▶ _About this task_
Copy each line containing "CLADDING" from the listing below.

▶ _Exercise data_
::::::

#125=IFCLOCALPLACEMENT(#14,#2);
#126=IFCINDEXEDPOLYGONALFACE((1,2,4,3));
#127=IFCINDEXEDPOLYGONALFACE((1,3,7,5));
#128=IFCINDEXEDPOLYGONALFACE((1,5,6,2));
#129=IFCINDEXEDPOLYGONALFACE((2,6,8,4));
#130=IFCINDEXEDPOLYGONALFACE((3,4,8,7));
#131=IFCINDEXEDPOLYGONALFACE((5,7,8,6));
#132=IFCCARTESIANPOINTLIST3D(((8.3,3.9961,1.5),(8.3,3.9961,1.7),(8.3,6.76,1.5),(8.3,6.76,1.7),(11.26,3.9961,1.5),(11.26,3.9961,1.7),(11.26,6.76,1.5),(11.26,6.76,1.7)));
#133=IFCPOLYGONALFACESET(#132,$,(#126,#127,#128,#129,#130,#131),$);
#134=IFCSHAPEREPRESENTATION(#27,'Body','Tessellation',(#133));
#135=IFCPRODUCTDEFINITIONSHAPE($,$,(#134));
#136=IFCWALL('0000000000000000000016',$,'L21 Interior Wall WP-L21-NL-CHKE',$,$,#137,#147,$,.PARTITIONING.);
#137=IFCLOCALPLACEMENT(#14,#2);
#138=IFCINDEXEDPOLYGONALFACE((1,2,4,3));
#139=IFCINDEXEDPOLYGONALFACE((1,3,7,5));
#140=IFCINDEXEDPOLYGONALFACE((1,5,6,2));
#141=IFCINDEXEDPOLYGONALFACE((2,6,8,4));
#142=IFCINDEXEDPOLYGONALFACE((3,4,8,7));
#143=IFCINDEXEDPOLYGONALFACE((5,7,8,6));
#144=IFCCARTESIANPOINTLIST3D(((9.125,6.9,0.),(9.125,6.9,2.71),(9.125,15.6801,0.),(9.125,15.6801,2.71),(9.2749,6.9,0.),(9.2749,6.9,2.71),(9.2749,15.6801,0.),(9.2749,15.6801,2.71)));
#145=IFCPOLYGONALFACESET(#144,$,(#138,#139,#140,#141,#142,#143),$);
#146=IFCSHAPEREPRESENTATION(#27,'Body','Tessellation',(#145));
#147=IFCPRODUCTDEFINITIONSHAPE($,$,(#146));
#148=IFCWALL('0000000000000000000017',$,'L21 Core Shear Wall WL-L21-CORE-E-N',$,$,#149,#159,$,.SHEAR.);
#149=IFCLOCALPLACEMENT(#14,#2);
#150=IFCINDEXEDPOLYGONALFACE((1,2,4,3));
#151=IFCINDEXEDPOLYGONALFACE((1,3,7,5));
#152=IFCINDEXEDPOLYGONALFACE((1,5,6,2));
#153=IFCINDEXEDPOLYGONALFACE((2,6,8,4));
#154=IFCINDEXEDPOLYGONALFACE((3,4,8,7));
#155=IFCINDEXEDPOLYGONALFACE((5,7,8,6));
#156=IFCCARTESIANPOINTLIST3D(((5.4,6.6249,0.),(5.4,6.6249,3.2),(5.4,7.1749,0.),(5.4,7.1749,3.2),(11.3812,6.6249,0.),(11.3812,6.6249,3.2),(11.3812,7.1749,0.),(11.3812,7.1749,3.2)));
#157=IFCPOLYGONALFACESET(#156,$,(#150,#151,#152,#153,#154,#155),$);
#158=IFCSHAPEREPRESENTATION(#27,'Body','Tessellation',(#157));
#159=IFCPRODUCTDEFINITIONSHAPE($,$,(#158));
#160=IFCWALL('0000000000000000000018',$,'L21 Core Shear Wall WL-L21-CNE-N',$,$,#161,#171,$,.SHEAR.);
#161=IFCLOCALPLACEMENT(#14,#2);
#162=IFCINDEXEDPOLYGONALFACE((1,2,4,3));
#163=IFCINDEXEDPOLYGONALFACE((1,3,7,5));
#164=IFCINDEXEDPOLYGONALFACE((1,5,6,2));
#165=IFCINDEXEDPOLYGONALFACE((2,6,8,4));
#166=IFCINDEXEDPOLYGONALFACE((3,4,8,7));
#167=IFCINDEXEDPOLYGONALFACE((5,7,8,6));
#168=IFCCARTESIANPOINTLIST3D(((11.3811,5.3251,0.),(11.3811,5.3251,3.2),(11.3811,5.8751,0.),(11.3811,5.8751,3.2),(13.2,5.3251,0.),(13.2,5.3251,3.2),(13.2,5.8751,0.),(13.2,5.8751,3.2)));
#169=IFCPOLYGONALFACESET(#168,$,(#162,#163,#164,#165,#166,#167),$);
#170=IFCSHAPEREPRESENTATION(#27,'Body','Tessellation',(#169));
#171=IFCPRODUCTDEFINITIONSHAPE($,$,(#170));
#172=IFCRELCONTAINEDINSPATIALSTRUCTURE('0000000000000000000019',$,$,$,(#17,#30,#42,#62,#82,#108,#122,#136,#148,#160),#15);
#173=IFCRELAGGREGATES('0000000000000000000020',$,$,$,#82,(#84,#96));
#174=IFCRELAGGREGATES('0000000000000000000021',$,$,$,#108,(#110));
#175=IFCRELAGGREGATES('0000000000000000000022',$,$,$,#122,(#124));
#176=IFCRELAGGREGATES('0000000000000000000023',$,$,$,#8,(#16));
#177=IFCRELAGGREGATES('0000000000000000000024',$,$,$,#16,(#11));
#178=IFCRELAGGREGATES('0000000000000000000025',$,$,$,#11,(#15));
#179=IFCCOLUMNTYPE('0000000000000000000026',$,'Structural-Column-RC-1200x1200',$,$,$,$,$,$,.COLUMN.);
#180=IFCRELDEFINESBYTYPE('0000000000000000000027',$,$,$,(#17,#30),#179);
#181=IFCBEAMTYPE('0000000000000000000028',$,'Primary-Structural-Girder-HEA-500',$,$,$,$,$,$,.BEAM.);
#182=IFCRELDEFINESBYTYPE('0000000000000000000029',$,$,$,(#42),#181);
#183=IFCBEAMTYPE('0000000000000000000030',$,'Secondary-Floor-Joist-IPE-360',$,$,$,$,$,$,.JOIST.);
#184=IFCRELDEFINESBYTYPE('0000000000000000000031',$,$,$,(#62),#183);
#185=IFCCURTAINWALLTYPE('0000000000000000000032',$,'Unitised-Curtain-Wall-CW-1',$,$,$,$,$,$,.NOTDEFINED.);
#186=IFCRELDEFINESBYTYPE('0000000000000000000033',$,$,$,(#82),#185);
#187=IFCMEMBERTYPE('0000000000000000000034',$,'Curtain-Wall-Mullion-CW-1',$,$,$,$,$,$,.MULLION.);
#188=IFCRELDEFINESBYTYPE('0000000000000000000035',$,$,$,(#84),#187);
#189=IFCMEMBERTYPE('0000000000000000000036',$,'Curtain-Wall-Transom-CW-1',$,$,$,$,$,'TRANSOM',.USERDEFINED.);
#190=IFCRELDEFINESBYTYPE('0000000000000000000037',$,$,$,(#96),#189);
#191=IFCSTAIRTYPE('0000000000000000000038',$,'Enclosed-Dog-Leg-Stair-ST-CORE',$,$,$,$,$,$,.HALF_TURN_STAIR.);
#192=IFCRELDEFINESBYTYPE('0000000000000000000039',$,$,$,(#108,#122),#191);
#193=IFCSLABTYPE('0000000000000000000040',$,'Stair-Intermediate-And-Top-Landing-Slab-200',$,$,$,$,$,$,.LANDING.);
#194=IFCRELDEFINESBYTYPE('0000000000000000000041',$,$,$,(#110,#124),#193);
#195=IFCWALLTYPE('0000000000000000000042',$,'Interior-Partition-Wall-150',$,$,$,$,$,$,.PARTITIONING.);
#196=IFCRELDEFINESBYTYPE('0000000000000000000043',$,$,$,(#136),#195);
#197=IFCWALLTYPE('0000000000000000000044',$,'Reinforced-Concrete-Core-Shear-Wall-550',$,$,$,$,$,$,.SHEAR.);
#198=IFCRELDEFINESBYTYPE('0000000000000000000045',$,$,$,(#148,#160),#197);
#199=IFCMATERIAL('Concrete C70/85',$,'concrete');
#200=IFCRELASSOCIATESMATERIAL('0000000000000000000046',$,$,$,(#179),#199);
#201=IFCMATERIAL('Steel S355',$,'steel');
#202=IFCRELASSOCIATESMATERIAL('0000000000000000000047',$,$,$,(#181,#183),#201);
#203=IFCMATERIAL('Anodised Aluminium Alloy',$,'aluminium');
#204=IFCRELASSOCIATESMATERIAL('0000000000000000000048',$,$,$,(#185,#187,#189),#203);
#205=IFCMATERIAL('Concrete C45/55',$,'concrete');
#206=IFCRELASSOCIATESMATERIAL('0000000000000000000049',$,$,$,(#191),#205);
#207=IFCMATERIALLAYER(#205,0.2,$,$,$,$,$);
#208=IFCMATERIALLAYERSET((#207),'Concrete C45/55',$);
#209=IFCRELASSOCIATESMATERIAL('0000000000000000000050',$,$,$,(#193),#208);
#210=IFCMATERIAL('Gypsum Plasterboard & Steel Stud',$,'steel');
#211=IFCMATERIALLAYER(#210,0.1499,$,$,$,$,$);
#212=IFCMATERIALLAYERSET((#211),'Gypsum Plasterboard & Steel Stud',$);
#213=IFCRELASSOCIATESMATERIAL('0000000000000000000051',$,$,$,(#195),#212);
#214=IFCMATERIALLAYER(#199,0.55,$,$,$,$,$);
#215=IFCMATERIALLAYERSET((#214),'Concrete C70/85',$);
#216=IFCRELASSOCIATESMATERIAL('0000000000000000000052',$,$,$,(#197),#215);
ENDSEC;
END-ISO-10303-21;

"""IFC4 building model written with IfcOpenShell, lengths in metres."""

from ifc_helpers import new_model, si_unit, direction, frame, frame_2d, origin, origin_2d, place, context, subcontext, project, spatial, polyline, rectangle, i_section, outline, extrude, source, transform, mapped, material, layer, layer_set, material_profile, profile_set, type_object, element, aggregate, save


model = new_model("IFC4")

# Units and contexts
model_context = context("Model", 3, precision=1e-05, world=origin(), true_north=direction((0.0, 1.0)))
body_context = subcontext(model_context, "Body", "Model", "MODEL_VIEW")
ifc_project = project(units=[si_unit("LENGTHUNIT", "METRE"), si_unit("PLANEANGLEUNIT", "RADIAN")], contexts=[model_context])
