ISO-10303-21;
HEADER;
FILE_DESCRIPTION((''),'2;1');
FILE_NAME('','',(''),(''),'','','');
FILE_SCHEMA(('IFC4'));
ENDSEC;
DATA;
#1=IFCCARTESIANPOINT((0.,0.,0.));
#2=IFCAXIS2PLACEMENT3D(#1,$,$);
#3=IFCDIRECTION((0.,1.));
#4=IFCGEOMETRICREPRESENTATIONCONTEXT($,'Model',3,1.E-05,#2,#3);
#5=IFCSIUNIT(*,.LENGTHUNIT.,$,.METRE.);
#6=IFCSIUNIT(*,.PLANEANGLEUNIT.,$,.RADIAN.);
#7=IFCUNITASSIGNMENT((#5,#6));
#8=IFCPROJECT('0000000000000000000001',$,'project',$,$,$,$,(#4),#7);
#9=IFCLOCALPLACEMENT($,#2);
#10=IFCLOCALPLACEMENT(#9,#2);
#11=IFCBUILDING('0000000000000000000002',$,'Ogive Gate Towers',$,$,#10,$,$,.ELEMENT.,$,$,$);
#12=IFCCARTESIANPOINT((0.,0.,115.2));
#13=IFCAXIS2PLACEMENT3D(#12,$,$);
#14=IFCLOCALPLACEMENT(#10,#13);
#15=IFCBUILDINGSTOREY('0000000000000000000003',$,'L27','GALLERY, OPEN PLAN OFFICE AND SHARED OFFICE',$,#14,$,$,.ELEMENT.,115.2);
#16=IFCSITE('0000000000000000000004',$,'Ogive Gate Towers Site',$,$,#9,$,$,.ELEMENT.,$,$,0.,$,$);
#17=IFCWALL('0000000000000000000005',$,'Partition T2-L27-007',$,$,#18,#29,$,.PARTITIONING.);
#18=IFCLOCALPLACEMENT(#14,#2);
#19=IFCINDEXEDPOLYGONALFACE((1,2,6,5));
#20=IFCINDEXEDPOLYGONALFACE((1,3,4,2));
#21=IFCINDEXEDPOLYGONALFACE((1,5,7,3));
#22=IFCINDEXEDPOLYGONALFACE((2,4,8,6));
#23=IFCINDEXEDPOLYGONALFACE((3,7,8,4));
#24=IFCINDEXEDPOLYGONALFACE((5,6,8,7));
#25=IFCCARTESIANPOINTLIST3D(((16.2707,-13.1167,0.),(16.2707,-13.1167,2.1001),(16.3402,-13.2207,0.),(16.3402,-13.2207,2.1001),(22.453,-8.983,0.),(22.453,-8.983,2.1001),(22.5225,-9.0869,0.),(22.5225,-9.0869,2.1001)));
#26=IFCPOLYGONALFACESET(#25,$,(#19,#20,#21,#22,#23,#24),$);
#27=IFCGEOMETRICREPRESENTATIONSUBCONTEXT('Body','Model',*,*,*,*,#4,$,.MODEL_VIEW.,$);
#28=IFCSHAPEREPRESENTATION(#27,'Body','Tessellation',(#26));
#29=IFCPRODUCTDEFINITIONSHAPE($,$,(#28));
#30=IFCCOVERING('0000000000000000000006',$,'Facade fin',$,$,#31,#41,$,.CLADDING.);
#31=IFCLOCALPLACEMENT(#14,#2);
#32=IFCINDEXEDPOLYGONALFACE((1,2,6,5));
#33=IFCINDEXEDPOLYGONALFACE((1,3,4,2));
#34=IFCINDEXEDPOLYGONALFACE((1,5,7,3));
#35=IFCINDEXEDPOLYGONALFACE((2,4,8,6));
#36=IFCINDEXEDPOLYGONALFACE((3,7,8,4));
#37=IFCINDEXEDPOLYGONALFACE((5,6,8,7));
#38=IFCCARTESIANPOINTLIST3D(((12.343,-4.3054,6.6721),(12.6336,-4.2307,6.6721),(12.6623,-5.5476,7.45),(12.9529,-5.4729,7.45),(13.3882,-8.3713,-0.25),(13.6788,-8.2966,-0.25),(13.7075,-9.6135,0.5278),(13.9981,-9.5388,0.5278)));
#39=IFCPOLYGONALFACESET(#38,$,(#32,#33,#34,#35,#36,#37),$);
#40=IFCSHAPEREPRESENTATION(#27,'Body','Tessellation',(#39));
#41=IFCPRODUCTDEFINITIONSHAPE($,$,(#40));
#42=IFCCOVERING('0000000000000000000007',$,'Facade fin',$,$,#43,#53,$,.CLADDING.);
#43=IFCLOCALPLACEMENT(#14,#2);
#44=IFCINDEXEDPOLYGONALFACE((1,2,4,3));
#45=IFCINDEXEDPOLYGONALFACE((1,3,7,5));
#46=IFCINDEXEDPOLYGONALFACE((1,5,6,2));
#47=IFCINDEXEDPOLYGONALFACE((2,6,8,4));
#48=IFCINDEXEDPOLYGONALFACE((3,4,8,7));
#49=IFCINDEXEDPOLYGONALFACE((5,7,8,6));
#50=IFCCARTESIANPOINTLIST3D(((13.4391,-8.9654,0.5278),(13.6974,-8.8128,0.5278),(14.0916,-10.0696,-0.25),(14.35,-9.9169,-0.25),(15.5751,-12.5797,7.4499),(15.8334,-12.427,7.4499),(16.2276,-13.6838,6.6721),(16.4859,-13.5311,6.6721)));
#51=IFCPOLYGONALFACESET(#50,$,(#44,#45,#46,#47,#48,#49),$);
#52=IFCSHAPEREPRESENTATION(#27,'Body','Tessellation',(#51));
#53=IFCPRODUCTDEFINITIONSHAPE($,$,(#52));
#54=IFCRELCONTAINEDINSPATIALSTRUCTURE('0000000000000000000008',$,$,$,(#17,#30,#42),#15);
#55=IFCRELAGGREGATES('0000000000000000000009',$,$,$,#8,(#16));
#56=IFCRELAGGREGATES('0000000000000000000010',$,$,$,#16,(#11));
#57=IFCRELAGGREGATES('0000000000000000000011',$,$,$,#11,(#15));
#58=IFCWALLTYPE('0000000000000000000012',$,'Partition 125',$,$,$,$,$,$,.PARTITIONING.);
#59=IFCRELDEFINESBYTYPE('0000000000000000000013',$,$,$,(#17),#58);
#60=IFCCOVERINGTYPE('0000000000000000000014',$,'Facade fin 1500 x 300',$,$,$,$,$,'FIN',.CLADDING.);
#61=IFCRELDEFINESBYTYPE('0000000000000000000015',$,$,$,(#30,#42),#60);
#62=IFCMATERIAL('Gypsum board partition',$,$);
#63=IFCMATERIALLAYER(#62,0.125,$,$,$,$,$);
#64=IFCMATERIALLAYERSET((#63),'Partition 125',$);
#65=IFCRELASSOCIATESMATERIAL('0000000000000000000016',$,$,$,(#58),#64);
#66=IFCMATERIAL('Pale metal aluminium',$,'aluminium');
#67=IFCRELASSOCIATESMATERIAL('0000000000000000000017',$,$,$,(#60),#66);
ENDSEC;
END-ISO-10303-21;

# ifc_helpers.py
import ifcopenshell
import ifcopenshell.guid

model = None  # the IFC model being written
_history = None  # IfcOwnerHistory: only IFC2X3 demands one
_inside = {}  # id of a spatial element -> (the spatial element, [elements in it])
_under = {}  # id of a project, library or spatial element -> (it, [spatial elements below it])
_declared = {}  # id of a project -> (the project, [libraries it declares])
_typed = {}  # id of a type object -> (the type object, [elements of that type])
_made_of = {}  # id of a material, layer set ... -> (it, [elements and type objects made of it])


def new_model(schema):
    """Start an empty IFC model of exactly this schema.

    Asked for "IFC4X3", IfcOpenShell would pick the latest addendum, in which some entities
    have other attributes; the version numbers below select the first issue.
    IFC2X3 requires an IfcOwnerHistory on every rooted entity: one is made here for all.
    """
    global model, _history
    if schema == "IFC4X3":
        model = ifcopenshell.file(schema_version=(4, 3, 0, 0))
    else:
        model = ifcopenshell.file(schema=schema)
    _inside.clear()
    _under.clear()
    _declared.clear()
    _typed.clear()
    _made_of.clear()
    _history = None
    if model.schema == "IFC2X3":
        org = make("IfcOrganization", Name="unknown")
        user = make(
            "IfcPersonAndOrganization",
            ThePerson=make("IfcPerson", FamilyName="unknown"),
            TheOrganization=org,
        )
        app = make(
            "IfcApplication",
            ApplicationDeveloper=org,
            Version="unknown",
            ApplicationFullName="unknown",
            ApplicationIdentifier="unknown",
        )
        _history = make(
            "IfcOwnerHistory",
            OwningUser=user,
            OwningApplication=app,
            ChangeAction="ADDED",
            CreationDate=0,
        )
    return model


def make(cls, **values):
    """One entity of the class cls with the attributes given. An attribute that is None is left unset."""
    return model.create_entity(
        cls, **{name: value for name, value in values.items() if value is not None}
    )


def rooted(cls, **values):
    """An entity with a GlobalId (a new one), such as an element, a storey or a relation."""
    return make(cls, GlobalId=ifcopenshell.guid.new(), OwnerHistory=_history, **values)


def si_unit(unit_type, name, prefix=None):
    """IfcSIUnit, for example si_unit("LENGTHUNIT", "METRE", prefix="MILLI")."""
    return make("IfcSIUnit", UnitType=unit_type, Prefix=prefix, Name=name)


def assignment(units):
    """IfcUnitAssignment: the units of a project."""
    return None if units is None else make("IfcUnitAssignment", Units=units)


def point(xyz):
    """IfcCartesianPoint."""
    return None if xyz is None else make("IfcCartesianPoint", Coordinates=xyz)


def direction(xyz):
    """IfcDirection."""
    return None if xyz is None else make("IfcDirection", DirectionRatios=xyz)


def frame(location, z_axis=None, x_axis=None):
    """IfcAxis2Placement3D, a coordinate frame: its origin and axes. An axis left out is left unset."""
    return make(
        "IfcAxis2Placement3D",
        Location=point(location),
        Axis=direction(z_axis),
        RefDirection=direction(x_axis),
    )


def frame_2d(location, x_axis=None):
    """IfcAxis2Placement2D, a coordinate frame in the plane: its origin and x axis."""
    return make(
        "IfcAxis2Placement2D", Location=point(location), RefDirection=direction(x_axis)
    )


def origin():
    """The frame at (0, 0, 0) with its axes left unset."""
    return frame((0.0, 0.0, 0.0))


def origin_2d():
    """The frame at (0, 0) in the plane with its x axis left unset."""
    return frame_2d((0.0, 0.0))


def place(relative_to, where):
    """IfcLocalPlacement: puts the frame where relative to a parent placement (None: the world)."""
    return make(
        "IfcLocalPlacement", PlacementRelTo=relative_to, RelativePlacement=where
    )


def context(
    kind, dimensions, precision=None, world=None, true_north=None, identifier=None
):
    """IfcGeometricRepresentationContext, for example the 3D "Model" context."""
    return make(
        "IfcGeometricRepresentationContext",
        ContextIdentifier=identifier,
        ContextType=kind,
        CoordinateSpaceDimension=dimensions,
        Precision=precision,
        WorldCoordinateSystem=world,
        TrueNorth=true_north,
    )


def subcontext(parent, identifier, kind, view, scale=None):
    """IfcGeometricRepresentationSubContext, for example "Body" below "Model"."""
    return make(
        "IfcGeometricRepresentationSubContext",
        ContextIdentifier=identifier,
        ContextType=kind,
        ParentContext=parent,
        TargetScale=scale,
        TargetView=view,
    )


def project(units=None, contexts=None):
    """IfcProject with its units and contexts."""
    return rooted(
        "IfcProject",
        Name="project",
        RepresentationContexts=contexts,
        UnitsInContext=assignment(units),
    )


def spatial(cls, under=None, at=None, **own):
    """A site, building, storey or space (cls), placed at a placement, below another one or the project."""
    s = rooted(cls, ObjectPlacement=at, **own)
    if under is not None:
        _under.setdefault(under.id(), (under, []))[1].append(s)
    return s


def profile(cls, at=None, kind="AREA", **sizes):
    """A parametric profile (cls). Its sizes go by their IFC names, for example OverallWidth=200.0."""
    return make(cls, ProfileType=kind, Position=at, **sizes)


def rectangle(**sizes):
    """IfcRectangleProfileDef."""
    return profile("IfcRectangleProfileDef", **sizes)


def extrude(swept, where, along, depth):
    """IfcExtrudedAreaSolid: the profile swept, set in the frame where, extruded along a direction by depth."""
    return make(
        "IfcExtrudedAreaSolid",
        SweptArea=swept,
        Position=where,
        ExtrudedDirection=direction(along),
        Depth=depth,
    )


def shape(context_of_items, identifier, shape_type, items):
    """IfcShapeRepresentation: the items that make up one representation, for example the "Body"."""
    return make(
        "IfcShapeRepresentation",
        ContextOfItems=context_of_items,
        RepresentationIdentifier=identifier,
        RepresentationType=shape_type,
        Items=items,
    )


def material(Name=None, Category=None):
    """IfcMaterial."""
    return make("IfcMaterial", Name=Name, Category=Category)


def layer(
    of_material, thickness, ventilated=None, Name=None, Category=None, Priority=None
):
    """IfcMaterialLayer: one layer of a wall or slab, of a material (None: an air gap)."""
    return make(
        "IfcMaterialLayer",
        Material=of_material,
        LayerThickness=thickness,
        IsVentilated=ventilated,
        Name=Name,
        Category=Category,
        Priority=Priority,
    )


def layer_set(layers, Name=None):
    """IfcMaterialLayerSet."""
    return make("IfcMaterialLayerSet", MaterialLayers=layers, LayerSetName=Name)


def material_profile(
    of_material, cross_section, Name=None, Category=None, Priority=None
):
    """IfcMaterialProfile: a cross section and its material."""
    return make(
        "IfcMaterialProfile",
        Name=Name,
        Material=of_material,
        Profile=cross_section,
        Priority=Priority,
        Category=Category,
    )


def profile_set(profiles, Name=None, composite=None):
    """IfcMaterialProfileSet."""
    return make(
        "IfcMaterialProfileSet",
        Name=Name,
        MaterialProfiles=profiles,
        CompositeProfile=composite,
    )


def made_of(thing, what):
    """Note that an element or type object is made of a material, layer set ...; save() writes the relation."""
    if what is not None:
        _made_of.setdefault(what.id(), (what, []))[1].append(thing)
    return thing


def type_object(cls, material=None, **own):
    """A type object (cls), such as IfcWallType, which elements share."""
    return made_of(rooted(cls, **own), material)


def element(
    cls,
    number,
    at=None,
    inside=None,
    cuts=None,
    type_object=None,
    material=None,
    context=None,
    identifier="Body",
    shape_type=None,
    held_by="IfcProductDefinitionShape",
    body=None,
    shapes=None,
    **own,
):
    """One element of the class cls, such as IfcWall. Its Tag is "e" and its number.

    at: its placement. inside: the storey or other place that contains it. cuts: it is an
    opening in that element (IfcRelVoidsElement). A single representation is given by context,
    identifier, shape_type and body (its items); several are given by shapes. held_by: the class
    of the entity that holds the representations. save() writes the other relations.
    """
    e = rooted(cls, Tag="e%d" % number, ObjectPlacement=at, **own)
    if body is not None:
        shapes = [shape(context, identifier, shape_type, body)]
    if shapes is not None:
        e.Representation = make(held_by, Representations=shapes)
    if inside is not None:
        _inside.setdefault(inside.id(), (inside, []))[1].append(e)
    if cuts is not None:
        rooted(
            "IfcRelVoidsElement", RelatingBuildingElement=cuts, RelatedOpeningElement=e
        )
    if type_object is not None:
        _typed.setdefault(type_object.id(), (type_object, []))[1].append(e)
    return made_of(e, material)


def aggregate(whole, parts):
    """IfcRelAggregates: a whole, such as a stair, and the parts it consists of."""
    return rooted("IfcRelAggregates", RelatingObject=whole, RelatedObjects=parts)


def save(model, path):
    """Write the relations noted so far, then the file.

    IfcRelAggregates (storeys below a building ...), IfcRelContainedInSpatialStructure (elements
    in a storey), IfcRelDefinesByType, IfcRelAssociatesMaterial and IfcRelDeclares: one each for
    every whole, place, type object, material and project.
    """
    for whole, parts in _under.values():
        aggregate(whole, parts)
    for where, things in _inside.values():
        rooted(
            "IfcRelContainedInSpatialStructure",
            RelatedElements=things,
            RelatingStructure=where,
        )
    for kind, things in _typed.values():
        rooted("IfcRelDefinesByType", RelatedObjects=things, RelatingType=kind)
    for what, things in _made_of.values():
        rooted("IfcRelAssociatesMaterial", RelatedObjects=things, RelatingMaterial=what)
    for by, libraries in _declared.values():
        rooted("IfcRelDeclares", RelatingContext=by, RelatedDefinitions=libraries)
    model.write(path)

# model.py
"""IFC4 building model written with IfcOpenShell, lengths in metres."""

from ifc_helpers import new_model, si_unit, direction, frame, frame_2d, origin, origin_2d, place, context, subcontext, project, spatial, rectangle, extrude, material, layer, layer_set, material_profile, profile_set, type_object, element, save


model = new_model("IFC4")

# Units and contexts
model_context = context("Model", 3, precision=1e-05, world=origin(), true_north=direction((0.0, 1.0)))
body_context = subcontext(model_context, "Body", "Model", "MODEL_VIEW")
ifc_project = project(units=[si_unit("LENGTHUNIT", "METRE"), si_unit("PLANEANGLEUNIT", "RADIAN")], contexts=[model_context])

# Site, building, storey
site_placement = place(None, origin())
site = spatial("IfcSite", under=ifc_project, at=site_placement, Name="Ogive Gate Towers Site", CompositionType="ELEMENT", RefElevation=0.0)
building_placement = place(site_placement, origin())
building = spatial("IfcBuilding", under=site, at=building_placement, Name="Ogive Gate Towers", CompositionType="ELEMENT")
storey_placement = place(building_placement, frame((0.0, 0.0, 115.2)))
storey = spatial("IfcBuildingStorey", under=building, at=storey_placement, Name="L27", Description="GALLERY, OPEN PLAN OFFICE AND SHARED OFFICE", CompositionType="ELEMENT", Elevation=115.2)

# Shared definitions
ifc_material_1 = material(Name="Pale metal aluminium", Category="aluminium")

::::::

▶ _Reply to the exercise_
#30=IFCCOVERING('0000000000000000000006',$,'Facade fin',$,$,#31,#41,$,.CLADDING.);
#42=IFCCOVERING('0000000000000000000007',$,'Facade fin',$,$,#43,#53,$,.CLADDING.);
#60=IFCCOVERINGTYPE('0000000000000000000014',$,'Facade fin 1500 x 300',$,$,$,$,$,'FIN',.CLADDING.);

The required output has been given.